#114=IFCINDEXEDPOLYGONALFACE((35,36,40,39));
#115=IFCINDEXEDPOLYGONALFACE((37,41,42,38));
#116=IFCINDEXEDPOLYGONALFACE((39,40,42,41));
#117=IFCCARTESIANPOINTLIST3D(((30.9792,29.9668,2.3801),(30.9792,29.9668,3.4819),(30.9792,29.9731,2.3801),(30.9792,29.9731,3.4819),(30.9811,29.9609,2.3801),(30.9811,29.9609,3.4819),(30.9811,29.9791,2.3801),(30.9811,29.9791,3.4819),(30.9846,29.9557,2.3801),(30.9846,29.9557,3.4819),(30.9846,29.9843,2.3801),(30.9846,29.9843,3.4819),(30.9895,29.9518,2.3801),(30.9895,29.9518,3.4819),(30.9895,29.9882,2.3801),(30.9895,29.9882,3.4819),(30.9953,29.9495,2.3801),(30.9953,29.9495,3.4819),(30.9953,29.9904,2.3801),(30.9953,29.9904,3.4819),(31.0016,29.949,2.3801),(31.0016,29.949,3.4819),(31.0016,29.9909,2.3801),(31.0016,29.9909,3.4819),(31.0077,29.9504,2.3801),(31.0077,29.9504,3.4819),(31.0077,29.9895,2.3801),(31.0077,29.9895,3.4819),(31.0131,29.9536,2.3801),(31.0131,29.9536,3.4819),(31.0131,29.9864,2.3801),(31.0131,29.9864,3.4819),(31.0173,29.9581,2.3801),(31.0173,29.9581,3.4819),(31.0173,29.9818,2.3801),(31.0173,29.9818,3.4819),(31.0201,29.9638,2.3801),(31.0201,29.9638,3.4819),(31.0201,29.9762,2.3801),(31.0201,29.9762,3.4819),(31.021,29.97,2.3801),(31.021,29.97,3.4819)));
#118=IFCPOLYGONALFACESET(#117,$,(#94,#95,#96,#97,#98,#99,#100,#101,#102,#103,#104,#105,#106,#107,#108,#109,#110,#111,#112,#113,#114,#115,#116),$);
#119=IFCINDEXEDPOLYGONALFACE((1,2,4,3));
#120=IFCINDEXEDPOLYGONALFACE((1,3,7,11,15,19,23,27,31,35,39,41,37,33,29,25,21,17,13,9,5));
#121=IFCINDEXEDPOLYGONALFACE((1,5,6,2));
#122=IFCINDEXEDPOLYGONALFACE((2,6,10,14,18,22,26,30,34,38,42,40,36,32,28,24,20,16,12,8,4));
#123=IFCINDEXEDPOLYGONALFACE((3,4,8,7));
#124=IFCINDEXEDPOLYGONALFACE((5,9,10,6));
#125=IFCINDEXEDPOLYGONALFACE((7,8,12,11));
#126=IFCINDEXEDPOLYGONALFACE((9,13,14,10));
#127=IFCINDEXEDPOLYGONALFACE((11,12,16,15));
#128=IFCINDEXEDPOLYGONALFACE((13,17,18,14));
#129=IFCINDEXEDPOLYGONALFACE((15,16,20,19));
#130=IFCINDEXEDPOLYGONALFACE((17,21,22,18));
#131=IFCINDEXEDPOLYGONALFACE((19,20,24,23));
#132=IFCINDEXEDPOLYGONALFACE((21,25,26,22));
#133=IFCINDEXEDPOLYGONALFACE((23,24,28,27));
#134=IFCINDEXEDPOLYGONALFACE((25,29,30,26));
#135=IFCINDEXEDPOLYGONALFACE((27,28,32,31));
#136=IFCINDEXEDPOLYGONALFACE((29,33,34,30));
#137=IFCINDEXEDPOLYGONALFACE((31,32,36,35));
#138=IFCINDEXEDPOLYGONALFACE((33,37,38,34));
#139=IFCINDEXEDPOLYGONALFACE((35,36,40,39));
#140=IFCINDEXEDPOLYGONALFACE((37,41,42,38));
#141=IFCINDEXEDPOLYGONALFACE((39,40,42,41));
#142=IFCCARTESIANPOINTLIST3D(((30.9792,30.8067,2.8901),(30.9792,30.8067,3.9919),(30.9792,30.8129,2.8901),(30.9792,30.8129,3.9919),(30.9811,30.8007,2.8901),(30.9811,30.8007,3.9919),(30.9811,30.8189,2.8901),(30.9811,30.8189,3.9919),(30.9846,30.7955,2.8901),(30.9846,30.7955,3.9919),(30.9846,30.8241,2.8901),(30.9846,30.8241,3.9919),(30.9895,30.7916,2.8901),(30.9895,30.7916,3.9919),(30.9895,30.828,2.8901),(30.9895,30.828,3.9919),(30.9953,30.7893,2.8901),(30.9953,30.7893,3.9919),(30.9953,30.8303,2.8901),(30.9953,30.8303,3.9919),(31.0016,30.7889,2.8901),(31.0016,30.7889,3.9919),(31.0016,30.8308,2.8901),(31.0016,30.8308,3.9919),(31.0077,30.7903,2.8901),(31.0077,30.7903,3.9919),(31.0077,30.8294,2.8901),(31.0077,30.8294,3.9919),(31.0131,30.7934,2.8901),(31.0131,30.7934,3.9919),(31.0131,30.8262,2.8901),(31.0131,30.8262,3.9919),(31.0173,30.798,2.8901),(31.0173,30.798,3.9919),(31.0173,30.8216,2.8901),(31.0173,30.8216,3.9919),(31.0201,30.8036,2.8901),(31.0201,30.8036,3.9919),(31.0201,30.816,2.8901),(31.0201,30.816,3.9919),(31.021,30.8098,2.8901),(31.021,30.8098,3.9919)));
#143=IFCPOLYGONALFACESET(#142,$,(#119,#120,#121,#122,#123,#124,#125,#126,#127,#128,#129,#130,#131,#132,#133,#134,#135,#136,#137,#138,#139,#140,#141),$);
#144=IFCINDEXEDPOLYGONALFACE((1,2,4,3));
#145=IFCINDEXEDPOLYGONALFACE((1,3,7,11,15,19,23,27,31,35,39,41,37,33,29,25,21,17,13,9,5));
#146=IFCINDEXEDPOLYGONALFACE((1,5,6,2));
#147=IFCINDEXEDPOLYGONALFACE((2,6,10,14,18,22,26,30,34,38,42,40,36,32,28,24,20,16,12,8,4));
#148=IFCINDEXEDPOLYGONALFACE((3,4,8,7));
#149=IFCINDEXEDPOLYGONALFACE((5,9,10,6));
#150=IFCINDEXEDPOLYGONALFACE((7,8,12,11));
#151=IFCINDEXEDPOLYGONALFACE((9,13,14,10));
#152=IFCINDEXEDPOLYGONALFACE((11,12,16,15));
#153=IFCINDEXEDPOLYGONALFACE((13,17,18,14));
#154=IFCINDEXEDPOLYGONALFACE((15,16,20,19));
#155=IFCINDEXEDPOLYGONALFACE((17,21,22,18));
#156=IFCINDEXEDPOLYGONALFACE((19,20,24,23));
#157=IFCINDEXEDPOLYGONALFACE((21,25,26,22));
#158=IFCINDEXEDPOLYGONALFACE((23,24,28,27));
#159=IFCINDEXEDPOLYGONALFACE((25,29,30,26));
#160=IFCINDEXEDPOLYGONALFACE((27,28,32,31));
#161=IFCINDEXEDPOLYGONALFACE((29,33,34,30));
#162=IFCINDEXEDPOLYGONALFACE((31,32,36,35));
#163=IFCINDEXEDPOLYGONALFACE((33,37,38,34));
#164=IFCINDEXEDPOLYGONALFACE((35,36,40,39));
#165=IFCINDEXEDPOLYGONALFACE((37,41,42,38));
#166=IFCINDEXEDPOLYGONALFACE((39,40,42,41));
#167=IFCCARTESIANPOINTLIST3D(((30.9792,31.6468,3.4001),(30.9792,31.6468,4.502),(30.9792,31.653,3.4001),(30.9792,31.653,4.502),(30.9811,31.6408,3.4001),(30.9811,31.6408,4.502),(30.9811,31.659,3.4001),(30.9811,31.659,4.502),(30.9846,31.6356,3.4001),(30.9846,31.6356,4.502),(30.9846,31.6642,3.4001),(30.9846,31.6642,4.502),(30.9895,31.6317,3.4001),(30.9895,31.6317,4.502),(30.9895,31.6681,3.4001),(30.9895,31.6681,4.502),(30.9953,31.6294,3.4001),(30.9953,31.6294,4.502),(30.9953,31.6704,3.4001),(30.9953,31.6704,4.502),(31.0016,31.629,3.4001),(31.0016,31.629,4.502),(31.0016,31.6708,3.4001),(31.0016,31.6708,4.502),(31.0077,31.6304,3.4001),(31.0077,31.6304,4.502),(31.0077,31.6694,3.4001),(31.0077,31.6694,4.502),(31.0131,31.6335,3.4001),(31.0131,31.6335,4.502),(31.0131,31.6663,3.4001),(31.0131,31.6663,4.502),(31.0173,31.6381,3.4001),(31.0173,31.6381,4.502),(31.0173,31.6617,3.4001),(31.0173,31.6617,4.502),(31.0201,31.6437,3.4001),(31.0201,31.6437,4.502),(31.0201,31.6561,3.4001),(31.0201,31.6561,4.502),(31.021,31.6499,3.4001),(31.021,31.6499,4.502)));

■ **WHAT IS BEING ASKED**:
Only one stretch of the records above is wanted: the lines between the one holding "#138=IFCINDEXEDPOLYGONALFACE((33,37,38,34));" and the one holding "#141=IFCINDEXEDPOLYGONALFACE((39,40,42,41));", inclusive, reproduced exactly.

■ **SOLUTION BELOW**:
#138=IFCINDEXEDPOLYGONALFACE((33,37,38,34));
#139=IFCINDEXEDPOLYGONALFACE((35,36,40,39));
#140=IFCINDEXEDPOLYGONALFACE((37,41,42,38));
#141=IFCINDEXEDPOLYGONALFACE((39,40,42,41));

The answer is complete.